Dataset entries:

========================

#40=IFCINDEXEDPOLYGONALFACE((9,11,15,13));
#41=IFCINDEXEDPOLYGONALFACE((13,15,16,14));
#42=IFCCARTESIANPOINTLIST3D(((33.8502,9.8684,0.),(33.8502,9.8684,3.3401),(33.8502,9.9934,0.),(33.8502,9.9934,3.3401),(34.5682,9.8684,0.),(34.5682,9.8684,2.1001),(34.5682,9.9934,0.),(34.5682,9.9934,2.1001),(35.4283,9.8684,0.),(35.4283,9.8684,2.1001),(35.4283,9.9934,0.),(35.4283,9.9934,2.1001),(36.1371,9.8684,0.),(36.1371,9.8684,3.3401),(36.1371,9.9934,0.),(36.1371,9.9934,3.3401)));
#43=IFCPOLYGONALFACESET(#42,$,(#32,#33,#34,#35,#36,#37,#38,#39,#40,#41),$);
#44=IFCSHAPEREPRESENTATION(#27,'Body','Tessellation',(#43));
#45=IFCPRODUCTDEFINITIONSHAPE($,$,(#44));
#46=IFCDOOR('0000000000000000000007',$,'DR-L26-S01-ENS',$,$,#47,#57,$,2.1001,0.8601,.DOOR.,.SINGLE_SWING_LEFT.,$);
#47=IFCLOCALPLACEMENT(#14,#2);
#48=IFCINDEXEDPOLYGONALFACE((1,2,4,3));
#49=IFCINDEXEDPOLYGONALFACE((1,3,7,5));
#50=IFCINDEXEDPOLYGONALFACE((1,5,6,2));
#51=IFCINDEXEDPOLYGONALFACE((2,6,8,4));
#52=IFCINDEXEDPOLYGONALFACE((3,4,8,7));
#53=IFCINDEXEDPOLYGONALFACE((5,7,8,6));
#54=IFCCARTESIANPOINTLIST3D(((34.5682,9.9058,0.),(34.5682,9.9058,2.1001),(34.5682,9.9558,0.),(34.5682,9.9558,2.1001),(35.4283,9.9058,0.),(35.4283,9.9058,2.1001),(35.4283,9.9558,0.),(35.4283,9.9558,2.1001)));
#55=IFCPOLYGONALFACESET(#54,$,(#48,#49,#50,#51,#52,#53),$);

========================

Only the lines from the one that contains "#48=IFCINDEXEDPOLYGONALFACE((1,2,4,3));" to the end of the data should be output, exactly as they appear.

Result for this exercise.
#48=IFCINDEXEDPOLYGONALFACE((1,2,4,3));
#49=IFCINDEXEDPOLYGONALFACE((1,3,7,5));
#50=IFCINDEXEDPOLYGONALFACE((1,5,6,2));
#51=IFCINDEXEDPOLYGONALFACE((2,6,8,4));
#52=IFCINDEXEDPOLYGONALFACE((3,4,8,7));
#53=IFCINDEXEDPOLYGONALFACE((5,7,8,6));
#54=IFCCARTESIANPOINTLIST3D(((34.5682,9.9058,0.),(34.5682,9.9058,2.1001),(34.5682,9.9558,0.),(34.5682,9.9558,2.1001),(35.4283,9.9058,0.),(35.4283,9.9058,2.1001),(35.4283,9.9558,0.),(35.4283,9.9558,2.1001)));
#55=IFCPOLYGONALFACESET(#54,$,(#48,#49,#50,#51,#52,#53),$);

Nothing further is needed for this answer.